START Exercise material

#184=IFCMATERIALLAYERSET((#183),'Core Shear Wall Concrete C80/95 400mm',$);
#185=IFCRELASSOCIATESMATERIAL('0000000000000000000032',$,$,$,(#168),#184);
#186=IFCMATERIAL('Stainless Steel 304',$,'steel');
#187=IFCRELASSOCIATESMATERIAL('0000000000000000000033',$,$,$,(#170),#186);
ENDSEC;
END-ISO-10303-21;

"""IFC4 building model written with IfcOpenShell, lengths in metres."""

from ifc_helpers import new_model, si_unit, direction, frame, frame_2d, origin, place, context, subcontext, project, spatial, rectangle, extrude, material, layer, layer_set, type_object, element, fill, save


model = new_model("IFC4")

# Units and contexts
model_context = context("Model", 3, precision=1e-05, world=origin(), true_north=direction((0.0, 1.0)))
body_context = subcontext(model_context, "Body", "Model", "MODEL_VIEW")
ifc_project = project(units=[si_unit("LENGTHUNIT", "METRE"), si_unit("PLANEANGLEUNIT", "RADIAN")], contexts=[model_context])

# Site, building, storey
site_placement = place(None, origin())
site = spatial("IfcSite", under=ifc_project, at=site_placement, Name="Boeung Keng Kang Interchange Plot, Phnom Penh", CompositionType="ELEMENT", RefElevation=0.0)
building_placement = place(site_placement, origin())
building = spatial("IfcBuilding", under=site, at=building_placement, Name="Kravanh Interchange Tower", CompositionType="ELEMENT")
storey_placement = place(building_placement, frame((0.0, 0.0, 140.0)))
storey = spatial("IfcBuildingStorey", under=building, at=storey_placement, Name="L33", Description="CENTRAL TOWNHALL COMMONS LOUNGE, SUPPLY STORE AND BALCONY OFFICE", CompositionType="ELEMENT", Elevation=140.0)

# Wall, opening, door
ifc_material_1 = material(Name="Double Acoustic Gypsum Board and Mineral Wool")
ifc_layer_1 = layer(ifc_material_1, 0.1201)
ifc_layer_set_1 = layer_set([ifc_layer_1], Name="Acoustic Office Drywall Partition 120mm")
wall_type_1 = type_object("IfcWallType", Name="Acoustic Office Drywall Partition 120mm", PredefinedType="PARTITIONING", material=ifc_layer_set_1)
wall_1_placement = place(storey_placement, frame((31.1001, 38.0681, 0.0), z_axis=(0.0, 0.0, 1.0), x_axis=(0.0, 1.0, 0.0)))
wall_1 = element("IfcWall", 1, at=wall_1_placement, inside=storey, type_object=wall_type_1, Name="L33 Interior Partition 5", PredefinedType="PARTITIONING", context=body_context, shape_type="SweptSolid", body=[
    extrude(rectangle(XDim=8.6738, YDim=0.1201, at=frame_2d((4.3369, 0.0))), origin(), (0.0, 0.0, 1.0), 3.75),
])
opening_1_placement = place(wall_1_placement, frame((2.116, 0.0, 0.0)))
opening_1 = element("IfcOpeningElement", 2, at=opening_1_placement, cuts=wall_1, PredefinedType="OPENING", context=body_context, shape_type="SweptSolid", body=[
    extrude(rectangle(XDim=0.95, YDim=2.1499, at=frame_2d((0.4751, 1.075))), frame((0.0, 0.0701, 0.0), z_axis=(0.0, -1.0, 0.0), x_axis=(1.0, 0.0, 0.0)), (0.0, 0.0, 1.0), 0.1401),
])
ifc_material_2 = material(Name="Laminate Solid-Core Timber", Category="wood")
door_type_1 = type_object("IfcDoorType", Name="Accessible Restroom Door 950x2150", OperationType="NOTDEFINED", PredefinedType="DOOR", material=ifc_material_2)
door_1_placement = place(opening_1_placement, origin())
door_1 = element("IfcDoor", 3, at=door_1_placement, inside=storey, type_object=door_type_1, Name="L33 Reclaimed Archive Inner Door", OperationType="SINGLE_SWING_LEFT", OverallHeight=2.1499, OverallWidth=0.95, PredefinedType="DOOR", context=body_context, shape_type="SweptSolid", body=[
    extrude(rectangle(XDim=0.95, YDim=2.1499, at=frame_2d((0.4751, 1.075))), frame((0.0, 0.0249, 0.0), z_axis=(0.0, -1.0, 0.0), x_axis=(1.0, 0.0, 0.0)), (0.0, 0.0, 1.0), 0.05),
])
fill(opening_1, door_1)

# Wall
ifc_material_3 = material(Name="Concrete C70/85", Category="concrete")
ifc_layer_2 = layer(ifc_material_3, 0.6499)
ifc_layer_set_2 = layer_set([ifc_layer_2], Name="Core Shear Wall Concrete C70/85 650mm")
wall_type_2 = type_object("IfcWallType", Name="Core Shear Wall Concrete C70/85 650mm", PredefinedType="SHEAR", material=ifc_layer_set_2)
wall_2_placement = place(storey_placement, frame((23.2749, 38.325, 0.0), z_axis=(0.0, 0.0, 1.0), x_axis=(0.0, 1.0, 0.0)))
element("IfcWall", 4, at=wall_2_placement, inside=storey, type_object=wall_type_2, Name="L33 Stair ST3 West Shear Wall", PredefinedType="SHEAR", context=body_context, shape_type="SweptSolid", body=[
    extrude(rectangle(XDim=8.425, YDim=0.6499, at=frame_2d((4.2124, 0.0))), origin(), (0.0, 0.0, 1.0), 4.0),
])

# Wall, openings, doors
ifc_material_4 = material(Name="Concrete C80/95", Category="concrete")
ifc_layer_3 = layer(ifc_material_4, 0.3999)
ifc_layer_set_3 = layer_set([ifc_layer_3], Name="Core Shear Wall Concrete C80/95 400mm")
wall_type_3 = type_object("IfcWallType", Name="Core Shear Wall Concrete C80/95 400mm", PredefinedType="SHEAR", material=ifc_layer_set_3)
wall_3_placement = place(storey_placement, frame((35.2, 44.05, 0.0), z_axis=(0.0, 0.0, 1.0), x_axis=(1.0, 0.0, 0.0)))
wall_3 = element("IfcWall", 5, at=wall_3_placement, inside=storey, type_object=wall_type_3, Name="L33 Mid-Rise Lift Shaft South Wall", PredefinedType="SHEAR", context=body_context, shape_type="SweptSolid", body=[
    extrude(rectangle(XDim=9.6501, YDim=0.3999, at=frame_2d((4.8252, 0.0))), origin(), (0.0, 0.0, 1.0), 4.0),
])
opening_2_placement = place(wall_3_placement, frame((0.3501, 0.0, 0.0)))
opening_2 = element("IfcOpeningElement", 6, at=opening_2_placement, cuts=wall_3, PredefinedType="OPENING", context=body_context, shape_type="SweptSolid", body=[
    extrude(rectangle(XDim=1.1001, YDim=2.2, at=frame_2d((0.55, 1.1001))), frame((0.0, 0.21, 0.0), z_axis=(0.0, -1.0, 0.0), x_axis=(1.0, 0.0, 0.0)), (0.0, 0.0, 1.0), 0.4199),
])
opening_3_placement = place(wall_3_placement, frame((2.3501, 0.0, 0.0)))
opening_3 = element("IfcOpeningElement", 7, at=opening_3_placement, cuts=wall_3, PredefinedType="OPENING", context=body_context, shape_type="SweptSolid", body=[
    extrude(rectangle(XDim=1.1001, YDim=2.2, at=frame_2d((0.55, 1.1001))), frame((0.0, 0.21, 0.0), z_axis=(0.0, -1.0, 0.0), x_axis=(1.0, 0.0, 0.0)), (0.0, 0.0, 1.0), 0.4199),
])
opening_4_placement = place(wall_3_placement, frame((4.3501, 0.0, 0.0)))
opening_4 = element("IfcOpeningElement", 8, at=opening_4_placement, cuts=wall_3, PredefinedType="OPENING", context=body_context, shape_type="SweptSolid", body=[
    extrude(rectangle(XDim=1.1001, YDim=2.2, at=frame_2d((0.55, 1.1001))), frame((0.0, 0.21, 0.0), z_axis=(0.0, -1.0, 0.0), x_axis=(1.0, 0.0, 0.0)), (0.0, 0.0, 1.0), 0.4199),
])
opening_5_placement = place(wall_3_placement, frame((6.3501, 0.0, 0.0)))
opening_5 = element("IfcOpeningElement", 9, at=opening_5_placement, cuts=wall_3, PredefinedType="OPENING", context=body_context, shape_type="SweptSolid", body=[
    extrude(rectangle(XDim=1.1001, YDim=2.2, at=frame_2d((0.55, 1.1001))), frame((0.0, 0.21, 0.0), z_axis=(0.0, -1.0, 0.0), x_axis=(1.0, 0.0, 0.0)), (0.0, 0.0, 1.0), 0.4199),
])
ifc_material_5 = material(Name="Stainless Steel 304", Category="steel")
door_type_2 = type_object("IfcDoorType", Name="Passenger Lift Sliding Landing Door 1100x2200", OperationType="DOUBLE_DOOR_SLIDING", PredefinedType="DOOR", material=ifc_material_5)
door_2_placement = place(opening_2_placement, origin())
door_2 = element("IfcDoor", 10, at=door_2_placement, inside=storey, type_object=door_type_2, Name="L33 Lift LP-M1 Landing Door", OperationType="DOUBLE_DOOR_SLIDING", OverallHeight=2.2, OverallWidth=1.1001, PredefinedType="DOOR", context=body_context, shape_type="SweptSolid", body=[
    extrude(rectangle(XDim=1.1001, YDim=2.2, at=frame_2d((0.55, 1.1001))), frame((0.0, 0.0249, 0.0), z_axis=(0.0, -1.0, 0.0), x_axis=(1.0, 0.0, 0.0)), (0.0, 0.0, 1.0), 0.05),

END Exercise material

▶ _Exercise directions_: Search the data for the string "fill" and copy every line where it appears.

▶ _Answer for the task_:
from ifc_helpers import new_model, si_unit, direction, frame, frame_2d, origin, place, context, subcontext, project, spatial, rectangle, extrude, material, layer, layer_set, type_object, element, fill, save
fill(opening_1, door_1)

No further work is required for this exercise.